Count the lines in the data below where the string "IFCPRODUCTDEFINITIONSHAPE" occurs, please, and give the number alone.

(Data items)
|---|
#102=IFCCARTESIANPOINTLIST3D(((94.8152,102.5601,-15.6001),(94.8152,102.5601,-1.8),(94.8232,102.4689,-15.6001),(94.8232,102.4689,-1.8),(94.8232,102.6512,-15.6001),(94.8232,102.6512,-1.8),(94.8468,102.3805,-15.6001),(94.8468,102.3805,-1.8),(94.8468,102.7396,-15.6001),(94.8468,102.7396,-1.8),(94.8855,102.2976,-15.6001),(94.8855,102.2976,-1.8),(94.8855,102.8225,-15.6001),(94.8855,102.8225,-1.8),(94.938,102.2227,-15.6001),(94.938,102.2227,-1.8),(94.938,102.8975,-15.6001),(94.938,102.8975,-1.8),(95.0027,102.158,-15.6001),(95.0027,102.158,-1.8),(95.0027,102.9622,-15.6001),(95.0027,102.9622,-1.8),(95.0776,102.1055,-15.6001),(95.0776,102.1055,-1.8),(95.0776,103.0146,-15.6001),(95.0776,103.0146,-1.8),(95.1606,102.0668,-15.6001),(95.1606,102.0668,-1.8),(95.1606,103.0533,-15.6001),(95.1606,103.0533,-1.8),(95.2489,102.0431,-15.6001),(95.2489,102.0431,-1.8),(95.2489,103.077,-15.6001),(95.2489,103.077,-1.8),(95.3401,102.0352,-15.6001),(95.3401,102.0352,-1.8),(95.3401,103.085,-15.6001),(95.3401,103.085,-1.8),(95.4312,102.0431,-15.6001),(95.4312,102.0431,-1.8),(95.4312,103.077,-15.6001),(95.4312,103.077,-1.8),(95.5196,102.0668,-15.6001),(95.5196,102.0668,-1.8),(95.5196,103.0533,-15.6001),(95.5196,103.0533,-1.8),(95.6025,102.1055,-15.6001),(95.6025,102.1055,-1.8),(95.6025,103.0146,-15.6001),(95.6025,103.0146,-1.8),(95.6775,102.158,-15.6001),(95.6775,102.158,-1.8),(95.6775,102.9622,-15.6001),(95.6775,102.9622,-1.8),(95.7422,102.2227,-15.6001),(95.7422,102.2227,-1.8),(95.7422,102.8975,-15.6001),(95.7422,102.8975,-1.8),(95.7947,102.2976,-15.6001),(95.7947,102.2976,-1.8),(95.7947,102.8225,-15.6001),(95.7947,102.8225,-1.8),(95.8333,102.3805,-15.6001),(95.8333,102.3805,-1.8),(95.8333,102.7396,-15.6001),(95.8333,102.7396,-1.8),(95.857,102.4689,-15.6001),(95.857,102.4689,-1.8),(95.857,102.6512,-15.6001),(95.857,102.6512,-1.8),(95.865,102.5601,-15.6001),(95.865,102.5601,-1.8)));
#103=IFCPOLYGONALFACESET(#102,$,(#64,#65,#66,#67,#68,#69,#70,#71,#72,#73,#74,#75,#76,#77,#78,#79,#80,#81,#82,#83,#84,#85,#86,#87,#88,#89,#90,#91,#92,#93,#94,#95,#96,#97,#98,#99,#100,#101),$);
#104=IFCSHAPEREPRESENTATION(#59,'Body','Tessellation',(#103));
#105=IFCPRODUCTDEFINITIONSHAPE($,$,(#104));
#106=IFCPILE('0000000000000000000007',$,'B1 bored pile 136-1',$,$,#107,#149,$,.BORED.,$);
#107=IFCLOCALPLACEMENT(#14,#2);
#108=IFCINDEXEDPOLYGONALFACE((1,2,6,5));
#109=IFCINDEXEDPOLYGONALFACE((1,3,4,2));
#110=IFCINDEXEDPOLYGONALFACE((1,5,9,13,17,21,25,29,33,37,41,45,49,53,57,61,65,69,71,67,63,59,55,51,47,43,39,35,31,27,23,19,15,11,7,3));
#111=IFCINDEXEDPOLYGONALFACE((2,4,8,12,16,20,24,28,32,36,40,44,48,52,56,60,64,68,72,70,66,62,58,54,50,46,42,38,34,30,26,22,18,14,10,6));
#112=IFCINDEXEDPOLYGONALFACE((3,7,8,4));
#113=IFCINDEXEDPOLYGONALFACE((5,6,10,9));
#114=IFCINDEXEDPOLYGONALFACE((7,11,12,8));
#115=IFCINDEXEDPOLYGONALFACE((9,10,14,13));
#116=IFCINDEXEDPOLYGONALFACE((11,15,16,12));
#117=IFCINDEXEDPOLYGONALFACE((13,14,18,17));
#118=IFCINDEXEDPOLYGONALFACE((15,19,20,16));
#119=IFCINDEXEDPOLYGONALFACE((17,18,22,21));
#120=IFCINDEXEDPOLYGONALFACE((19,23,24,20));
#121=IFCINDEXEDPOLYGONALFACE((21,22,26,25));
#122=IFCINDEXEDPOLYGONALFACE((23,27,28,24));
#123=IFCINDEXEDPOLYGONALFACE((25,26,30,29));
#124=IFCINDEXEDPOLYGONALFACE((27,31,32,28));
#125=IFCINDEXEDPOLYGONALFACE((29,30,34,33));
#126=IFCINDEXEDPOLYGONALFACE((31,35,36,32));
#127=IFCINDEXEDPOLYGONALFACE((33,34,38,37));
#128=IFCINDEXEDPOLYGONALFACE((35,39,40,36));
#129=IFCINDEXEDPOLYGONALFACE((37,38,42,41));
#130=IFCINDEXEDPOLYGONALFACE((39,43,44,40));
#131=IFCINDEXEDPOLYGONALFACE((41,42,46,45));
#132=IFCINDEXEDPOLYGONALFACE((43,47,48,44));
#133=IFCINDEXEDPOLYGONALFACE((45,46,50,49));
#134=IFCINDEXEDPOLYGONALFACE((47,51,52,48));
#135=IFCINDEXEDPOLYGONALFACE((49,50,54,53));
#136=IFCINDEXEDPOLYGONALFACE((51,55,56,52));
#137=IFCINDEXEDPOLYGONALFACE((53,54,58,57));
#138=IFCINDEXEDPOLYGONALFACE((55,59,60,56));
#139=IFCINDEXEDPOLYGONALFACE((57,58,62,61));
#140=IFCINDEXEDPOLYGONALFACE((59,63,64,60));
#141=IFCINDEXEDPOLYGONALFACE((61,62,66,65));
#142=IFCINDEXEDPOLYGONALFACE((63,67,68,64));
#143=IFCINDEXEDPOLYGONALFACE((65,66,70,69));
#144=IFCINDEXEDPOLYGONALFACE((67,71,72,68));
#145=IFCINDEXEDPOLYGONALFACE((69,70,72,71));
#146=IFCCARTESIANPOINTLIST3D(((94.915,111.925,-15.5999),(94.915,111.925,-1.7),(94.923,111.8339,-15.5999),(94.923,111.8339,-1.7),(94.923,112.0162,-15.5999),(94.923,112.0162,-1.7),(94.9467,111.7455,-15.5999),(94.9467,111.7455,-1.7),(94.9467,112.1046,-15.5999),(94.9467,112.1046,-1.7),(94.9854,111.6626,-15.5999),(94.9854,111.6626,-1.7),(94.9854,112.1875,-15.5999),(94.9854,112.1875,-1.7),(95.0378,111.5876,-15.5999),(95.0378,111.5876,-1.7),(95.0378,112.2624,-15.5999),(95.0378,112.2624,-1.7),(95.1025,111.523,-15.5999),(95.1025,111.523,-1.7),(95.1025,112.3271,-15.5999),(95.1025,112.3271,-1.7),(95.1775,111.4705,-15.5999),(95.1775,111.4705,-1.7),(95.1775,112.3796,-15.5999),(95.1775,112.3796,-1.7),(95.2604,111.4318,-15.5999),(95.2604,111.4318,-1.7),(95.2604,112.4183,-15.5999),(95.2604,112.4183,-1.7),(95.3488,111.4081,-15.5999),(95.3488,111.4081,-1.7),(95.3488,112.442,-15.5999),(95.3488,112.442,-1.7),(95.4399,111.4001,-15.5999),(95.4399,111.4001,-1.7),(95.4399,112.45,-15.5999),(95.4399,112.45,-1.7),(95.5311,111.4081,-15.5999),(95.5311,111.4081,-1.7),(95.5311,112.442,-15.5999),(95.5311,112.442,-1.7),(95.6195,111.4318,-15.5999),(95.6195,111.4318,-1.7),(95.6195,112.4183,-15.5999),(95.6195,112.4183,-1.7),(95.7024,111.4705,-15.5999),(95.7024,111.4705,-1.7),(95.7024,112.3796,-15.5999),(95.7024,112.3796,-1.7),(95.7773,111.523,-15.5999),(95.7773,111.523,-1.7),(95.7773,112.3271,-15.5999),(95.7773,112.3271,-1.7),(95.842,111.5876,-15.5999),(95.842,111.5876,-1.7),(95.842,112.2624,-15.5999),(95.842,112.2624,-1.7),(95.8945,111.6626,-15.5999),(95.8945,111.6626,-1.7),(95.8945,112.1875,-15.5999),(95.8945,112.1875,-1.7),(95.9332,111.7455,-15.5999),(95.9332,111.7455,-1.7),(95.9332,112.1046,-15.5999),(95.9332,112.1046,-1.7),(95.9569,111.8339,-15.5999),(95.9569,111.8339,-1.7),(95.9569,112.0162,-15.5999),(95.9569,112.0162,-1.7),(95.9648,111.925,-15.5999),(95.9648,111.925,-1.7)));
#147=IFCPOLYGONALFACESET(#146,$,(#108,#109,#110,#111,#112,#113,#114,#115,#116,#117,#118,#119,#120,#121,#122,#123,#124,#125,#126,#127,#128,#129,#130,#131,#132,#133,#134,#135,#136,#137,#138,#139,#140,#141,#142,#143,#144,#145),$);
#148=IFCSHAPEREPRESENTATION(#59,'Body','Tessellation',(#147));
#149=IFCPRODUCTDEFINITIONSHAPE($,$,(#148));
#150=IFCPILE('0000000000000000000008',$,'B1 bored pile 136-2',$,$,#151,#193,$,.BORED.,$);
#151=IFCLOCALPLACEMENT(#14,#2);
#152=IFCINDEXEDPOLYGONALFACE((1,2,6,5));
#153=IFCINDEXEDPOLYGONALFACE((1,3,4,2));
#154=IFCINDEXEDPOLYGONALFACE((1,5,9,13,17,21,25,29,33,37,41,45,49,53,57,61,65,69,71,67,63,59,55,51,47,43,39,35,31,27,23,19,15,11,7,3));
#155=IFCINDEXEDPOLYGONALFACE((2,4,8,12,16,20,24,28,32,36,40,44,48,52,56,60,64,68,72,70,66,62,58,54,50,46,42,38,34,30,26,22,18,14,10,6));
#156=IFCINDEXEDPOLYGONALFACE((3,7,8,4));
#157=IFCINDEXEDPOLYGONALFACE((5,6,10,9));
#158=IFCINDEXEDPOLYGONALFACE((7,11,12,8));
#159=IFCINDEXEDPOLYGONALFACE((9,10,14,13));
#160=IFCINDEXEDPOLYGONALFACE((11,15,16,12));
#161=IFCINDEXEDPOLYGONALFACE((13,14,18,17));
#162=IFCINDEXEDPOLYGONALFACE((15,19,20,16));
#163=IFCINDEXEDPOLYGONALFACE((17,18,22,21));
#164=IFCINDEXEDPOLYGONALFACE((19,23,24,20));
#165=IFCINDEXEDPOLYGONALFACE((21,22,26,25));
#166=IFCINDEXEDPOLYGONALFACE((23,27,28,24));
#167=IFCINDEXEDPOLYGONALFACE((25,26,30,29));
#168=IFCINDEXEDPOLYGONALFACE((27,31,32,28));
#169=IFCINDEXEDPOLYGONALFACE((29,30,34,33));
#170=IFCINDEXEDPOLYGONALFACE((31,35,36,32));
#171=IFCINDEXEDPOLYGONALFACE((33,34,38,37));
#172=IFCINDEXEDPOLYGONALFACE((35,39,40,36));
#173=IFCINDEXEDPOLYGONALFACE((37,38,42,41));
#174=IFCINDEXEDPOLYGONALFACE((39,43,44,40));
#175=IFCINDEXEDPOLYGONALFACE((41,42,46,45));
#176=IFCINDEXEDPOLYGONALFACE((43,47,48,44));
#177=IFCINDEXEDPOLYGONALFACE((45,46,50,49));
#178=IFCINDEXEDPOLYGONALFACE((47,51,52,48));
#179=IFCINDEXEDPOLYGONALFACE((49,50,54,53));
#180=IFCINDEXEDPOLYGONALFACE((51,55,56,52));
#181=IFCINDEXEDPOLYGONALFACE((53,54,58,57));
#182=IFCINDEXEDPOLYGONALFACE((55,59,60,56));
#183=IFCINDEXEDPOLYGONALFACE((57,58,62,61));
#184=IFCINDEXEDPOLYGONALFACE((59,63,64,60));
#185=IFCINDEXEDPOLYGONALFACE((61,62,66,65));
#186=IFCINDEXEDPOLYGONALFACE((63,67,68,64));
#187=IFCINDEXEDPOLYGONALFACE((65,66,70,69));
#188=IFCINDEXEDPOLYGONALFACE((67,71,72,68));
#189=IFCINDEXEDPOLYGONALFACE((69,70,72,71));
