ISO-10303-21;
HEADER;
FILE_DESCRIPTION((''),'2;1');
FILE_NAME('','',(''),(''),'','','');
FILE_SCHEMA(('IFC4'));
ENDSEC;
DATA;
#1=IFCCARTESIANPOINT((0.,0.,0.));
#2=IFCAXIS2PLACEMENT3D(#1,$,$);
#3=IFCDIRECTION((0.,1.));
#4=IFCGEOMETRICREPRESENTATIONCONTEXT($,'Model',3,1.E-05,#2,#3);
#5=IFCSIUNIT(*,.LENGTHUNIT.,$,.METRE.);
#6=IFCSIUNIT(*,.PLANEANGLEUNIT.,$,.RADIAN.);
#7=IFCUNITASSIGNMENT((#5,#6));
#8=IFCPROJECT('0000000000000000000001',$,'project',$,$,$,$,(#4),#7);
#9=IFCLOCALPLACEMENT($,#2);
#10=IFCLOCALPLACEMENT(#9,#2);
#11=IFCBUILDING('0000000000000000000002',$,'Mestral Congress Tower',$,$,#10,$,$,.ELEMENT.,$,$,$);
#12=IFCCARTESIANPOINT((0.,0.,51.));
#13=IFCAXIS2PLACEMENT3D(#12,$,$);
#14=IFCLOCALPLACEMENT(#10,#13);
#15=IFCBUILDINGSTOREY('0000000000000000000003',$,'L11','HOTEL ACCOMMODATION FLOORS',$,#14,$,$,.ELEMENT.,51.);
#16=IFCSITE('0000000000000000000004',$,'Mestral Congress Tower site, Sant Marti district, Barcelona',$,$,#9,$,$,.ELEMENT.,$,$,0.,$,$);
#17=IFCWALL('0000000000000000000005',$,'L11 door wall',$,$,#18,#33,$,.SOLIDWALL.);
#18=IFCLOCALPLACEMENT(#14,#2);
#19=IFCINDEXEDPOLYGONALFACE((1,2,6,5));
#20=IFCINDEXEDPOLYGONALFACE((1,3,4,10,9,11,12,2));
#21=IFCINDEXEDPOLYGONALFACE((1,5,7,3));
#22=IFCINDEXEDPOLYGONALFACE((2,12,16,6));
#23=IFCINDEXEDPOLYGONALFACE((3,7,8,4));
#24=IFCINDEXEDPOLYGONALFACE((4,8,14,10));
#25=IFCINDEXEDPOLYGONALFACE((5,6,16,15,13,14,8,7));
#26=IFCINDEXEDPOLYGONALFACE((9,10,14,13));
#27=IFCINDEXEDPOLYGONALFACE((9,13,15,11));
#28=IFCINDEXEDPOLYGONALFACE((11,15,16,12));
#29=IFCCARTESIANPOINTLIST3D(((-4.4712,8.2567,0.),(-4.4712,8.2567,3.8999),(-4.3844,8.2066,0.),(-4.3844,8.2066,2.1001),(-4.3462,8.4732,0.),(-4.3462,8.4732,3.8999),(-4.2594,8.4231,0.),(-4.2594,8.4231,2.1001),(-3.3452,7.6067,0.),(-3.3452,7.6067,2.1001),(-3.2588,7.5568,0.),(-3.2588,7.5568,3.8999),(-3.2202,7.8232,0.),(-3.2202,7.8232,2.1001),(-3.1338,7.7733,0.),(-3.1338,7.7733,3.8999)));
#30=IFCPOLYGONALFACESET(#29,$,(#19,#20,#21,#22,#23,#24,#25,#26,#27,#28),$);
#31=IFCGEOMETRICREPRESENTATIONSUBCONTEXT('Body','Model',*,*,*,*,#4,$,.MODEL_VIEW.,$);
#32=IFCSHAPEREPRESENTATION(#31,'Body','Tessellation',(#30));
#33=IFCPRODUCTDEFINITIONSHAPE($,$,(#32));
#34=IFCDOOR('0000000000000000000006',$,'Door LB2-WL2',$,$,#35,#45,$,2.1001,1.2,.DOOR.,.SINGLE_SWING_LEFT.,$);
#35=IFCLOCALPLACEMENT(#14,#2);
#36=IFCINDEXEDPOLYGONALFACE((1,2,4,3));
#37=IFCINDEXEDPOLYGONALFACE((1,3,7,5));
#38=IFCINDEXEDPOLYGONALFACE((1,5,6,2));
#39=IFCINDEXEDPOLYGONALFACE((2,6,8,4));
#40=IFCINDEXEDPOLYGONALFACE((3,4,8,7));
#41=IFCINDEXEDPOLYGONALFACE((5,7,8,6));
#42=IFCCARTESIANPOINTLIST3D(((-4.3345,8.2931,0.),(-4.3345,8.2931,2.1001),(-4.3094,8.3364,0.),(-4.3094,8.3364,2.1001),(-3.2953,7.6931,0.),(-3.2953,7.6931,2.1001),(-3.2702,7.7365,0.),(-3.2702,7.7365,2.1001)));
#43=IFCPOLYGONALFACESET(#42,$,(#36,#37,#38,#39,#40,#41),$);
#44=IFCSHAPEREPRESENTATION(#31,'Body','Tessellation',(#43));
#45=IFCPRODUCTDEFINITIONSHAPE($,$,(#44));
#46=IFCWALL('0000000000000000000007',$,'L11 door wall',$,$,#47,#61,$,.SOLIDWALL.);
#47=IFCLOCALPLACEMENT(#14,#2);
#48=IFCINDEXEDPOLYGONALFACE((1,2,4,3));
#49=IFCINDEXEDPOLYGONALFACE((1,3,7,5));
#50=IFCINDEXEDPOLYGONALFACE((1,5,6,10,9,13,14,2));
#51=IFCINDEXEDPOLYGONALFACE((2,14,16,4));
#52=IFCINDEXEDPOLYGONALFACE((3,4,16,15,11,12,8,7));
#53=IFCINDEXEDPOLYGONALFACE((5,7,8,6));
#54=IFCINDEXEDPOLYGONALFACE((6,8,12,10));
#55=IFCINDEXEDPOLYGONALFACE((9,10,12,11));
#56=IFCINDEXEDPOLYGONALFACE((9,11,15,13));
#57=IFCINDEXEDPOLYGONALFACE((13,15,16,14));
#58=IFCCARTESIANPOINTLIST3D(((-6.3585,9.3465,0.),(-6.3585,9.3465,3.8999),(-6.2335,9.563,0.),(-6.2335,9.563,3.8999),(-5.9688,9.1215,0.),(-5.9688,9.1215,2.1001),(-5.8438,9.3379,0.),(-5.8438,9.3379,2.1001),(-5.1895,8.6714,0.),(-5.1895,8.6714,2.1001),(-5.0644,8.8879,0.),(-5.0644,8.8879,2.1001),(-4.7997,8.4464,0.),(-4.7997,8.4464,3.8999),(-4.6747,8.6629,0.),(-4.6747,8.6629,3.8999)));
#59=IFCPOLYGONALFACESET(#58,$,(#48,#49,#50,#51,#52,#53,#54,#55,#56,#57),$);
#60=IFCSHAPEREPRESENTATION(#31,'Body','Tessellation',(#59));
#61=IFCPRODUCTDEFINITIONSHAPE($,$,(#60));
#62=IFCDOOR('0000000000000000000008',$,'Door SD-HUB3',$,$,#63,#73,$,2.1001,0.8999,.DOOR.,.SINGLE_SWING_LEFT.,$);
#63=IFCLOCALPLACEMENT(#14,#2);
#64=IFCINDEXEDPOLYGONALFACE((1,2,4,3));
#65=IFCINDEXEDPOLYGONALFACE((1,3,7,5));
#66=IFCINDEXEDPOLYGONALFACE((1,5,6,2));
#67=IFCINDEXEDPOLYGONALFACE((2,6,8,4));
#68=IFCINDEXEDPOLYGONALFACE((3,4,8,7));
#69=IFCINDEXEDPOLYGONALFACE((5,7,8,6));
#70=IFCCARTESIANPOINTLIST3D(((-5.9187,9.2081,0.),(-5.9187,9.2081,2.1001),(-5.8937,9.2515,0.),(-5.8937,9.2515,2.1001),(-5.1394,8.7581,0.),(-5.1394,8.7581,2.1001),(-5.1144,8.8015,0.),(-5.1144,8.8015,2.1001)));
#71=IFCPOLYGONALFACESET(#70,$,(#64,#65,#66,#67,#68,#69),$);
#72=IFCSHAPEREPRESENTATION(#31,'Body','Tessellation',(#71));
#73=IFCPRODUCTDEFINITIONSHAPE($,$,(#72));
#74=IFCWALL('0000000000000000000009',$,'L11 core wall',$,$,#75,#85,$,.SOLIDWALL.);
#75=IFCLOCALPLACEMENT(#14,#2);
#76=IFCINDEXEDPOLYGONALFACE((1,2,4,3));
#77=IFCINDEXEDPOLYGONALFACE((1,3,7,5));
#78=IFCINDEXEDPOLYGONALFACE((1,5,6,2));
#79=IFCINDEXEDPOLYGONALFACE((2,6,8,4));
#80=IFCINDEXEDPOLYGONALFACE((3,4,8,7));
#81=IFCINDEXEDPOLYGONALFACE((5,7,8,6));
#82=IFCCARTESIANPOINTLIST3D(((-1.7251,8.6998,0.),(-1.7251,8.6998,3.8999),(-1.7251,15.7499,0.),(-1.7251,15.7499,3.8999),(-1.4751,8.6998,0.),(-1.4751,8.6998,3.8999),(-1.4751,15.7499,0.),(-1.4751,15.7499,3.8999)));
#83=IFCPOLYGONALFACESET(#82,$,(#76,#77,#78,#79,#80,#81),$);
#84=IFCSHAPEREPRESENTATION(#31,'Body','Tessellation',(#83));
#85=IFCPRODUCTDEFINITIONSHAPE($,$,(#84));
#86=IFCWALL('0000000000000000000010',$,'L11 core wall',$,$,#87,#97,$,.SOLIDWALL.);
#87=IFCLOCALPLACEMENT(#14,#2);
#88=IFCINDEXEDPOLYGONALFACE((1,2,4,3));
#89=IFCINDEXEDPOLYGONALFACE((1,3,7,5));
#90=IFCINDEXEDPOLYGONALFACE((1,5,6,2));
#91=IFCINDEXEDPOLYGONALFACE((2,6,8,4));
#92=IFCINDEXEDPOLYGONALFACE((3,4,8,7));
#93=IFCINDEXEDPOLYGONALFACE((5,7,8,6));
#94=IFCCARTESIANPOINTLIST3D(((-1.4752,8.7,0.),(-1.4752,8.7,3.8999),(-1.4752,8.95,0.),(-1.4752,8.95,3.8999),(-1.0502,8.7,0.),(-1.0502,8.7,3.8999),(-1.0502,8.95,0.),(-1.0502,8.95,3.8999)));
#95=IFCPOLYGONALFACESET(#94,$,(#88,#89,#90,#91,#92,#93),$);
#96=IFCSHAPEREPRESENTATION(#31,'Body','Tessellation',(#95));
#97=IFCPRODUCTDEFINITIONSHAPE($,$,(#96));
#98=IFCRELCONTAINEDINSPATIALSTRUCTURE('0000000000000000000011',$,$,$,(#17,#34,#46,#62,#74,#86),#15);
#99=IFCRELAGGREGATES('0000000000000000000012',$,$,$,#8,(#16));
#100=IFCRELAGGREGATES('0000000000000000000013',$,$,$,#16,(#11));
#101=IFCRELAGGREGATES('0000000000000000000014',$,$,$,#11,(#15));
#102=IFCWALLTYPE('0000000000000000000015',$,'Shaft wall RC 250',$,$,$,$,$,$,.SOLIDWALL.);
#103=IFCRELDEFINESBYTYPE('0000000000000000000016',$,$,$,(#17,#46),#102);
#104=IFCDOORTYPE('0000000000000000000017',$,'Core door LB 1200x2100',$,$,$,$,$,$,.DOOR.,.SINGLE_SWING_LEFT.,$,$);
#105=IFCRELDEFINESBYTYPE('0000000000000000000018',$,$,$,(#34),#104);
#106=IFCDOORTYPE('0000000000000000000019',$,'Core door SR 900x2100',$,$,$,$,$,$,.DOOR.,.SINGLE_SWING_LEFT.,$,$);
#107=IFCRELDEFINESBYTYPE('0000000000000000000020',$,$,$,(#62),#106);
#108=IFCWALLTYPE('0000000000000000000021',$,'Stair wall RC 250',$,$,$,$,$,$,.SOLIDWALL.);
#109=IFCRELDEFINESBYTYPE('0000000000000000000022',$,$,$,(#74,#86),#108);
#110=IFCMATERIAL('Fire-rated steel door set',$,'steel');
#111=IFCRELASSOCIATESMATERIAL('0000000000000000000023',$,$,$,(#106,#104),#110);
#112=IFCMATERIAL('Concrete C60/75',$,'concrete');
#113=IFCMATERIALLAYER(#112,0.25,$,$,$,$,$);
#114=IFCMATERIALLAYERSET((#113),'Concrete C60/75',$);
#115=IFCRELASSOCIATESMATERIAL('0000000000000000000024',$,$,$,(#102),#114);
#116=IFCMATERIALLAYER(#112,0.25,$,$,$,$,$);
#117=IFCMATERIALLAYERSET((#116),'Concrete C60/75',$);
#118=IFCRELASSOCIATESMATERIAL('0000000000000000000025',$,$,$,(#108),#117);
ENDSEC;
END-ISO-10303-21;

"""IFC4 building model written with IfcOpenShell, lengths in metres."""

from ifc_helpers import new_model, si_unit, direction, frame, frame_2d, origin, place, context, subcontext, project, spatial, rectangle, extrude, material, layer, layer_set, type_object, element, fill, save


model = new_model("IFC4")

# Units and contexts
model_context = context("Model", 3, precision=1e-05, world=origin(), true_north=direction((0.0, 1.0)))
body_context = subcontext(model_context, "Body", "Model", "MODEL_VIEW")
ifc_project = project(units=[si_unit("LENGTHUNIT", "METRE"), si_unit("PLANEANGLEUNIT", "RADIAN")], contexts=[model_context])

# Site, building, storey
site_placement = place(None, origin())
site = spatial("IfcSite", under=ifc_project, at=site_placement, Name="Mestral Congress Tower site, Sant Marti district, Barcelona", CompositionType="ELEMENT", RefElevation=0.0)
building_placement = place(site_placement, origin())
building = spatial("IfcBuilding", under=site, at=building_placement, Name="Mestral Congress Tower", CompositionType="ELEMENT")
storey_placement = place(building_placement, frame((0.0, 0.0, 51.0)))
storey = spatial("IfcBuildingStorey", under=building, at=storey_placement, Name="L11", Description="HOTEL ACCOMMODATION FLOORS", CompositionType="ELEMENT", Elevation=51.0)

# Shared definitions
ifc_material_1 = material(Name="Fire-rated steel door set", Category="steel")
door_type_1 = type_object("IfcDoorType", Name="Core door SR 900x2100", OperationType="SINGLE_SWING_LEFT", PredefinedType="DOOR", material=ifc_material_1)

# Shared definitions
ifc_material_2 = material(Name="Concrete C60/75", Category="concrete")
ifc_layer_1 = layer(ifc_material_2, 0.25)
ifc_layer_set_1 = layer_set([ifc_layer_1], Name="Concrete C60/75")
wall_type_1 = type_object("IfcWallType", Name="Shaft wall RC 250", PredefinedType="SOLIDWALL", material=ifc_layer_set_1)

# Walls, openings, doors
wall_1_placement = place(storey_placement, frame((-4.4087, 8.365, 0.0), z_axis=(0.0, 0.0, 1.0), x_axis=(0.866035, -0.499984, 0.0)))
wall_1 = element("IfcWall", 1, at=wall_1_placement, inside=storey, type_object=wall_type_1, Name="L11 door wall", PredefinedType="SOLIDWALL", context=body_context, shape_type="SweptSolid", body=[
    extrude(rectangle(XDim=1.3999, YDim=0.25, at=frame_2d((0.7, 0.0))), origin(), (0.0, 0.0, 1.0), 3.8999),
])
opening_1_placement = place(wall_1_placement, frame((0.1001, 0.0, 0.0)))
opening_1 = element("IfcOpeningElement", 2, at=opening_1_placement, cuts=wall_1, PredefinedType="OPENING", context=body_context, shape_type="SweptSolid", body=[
|---|
**Answer box**
8